● Instructions for the task
Restate word for word the lines that begin the listing and end with the line holding "#150=IFCINDEXEDPOLYGONALFACE((3,58,61,6));".

● Exercise data
-- -- --

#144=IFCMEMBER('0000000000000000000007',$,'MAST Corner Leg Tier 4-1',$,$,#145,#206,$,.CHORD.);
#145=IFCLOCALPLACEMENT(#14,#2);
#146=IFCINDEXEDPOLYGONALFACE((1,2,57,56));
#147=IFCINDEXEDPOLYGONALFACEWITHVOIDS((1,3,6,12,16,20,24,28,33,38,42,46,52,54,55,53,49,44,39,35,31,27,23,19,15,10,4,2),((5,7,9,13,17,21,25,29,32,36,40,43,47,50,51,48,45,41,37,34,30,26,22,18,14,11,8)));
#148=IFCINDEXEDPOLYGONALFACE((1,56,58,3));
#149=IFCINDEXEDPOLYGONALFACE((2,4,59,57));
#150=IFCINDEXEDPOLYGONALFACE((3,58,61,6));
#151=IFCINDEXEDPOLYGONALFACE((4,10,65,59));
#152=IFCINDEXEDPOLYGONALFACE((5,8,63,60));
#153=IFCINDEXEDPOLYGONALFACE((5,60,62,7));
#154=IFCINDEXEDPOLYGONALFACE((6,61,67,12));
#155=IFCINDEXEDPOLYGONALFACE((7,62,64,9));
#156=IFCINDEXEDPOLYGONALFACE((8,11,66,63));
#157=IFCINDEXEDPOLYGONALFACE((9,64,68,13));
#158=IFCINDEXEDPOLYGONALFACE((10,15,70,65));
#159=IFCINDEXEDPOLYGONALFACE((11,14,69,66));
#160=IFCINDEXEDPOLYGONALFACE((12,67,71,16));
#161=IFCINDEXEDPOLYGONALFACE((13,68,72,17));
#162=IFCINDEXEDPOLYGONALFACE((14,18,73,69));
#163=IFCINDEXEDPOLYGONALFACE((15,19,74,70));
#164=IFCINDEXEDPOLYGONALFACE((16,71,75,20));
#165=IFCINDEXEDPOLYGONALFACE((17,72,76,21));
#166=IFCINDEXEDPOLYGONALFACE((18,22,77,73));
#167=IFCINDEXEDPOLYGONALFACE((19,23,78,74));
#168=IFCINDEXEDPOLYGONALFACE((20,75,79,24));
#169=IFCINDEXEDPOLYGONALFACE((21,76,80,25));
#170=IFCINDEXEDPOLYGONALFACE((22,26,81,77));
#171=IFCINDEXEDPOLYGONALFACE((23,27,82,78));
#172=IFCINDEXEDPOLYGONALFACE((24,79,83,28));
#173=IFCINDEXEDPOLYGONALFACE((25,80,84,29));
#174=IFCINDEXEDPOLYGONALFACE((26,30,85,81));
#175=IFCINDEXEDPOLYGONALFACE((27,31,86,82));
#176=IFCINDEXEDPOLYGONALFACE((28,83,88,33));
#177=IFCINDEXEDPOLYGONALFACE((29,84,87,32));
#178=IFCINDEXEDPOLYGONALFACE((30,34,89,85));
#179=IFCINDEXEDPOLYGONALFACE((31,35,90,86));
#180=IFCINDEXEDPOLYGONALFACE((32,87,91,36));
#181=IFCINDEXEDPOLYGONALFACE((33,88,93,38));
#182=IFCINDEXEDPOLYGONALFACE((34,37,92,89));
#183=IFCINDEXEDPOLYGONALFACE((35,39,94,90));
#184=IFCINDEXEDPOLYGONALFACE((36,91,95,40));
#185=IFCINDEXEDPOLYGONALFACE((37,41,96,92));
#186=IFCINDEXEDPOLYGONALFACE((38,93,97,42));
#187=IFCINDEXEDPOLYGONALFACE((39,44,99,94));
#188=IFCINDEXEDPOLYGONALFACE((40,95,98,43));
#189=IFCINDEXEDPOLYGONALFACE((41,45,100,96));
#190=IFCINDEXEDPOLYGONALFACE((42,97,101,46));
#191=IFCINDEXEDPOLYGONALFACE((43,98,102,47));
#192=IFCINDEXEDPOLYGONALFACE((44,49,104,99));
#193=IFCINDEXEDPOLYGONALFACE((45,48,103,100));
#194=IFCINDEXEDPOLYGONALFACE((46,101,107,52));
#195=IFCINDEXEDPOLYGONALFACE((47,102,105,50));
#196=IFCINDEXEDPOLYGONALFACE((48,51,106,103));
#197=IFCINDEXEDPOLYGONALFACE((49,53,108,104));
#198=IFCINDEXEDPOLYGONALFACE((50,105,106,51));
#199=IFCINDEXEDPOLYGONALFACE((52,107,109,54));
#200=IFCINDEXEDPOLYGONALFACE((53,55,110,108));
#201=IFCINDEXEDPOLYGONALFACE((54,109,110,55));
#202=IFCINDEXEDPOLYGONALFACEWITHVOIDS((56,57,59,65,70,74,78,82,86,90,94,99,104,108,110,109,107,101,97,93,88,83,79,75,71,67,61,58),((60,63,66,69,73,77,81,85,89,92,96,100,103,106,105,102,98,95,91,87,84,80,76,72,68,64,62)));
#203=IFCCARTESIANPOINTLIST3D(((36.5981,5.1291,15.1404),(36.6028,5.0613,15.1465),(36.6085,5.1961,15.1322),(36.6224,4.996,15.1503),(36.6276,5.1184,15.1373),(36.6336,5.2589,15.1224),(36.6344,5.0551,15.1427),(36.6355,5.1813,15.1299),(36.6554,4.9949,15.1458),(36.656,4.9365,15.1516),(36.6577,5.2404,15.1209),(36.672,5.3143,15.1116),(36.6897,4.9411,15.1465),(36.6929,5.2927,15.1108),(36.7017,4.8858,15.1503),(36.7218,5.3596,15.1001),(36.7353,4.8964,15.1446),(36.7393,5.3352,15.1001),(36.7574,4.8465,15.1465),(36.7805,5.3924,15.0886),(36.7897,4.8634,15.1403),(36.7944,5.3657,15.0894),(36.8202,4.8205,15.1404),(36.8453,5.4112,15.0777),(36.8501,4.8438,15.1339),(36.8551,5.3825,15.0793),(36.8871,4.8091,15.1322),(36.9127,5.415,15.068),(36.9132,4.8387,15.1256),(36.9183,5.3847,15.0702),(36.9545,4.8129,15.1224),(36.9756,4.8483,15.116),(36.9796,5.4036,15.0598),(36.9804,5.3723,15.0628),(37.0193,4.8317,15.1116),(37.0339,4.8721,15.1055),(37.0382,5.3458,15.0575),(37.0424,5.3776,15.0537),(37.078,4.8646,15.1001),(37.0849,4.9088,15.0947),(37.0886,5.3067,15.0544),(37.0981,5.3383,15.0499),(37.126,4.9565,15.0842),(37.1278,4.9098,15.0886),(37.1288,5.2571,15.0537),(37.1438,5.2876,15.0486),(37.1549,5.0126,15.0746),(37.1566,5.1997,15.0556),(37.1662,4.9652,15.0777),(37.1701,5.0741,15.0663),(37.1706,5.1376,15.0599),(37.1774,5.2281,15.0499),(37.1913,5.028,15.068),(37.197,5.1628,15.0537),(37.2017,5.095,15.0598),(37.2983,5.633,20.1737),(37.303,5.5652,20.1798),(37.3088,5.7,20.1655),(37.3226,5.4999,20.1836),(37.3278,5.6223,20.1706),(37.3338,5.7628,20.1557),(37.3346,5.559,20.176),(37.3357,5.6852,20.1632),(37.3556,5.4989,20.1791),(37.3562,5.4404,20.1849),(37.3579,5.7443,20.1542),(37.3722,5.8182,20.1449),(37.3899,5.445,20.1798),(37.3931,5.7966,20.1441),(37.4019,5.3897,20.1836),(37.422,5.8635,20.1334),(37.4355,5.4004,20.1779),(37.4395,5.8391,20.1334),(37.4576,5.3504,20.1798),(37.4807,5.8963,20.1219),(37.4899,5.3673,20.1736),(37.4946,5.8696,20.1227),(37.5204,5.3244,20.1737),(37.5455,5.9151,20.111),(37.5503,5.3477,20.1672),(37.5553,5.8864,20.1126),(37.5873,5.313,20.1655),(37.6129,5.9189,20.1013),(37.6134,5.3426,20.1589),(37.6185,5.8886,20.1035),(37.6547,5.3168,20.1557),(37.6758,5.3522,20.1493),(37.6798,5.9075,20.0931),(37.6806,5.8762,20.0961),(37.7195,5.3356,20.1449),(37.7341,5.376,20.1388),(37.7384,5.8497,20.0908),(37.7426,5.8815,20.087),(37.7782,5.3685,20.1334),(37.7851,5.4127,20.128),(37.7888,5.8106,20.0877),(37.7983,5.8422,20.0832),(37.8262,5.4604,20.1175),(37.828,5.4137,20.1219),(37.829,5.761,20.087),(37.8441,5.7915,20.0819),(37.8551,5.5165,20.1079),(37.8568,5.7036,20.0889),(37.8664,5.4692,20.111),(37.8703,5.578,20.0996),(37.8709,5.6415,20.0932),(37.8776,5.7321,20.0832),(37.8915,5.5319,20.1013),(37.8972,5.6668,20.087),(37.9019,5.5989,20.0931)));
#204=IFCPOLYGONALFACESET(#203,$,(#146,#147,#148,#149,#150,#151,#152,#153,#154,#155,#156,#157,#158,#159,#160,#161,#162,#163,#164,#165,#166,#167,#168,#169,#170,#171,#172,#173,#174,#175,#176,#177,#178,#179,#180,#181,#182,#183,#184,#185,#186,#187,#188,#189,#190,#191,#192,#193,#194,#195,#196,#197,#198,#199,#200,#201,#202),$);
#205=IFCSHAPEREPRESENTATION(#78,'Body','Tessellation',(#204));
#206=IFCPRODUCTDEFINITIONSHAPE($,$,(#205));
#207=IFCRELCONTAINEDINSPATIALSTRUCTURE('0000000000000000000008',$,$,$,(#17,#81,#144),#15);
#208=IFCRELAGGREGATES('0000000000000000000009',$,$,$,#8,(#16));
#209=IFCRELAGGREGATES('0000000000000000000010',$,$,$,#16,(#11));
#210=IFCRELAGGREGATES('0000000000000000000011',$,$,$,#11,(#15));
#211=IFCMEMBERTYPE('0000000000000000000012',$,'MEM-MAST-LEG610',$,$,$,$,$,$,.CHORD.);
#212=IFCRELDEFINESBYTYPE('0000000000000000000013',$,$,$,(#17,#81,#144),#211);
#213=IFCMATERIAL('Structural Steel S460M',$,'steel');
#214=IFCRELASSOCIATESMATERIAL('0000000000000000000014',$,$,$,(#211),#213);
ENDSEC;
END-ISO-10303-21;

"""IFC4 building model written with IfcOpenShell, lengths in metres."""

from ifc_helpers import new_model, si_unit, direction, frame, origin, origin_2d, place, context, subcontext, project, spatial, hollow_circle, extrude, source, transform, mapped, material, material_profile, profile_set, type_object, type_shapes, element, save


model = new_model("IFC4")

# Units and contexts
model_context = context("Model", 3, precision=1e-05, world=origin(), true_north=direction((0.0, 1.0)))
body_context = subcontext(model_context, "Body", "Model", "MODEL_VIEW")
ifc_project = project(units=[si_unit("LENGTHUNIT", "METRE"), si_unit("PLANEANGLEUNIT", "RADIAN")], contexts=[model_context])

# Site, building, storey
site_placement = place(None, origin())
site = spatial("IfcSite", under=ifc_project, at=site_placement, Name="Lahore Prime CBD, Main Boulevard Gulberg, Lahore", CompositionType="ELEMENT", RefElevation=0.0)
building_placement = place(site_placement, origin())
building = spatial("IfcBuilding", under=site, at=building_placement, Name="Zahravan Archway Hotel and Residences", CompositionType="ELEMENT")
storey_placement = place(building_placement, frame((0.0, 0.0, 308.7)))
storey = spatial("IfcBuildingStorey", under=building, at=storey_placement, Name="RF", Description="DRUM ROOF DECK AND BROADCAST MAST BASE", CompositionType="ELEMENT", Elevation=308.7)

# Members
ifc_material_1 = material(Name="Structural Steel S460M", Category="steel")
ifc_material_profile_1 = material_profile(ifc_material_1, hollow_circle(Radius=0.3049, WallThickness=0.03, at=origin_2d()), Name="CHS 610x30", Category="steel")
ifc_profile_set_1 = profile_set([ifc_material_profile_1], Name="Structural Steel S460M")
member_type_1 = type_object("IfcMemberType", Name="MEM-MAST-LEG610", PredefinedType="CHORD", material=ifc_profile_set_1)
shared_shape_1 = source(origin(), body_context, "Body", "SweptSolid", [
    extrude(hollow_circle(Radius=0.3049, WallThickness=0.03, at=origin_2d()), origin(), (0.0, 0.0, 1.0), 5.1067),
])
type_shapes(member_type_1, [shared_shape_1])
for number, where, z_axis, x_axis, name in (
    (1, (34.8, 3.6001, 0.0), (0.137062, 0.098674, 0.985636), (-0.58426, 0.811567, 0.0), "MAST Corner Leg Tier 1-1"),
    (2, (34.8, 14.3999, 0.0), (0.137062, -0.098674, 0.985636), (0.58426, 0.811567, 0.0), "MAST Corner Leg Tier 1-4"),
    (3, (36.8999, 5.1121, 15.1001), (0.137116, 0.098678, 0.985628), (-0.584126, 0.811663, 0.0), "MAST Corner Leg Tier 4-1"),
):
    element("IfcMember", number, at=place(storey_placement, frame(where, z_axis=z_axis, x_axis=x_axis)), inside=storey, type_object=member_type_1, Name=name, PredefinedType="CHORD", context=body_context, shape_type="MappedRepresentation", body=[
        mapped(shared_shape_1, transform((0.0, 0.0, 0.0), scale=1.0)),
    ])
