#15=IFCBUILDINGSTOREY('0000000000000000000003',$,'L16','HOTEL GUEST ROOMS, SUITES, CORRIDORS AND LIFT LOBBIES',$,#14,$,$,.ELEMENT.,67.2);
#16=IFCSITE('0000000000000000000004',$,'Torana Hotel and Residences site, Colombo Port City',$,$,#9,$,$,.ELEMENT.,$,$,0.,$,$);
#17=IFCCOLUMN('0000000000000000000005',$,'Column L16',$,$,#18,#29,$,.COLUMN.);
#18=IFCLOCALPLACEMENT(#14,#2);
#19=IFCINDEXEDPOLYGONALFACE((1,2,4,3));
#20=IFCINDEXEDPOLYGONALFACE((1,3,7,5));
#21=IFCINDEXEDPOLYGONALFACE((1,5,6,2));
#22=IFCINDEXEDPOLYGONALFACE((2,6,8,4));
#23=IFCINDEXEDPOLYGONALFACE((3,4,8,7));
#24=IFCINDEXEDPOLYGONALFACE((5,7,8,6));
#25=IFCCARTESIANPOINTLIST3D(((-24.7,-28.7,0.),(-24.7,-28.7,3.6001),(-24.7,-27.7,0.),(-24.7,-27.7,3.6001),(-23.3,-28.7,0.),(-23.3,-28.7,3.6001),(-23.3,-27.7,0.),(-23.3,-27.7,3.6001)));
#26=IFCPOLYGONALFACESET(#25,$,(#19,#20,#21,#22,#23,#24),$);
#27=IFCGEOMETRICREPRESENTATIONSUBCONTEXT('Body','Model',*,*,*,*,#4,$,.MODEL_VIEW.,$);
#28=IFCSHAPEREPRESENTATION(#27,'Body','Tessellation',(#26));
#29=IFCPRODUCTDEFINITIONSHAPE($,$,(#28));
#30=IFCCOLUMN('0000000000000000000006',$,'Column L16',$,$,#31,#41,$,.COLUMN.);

-- -- --

● Response to this task
#144=IFCMEMBER('0000000000000000000007',$,'MAST Corner Leg Tier 4-1',$,$,#145,#206,$,.CHORD.);
#145=IFCLOCALPLACEMENT(#14,#2);
#146=IFCINDEXEDPOLYGONALFACE((1,2,57,56));
#147=IFCINDEXEDPOLYGONALFACEWITHVOIDS((1,3,6,12,16,20,24,28,33,38,42,46,52,54,55,53,49,44,39,35,31,27,23,19,15,10,4,2),((5,7,9,13,17,21,25,29,32,36,40,43,47,50,51,48,45,41,37,34,30,26,22,18,14,11,8)));
#148=IFCINDEXEDPOLYGONALFACE((1,56,58,3));
#149=IFCINDEXEDPOLYGONALFACE((2,4,59,57));
#150=IFCINDEXEDPOLYGONALFACE((3,58,61,6));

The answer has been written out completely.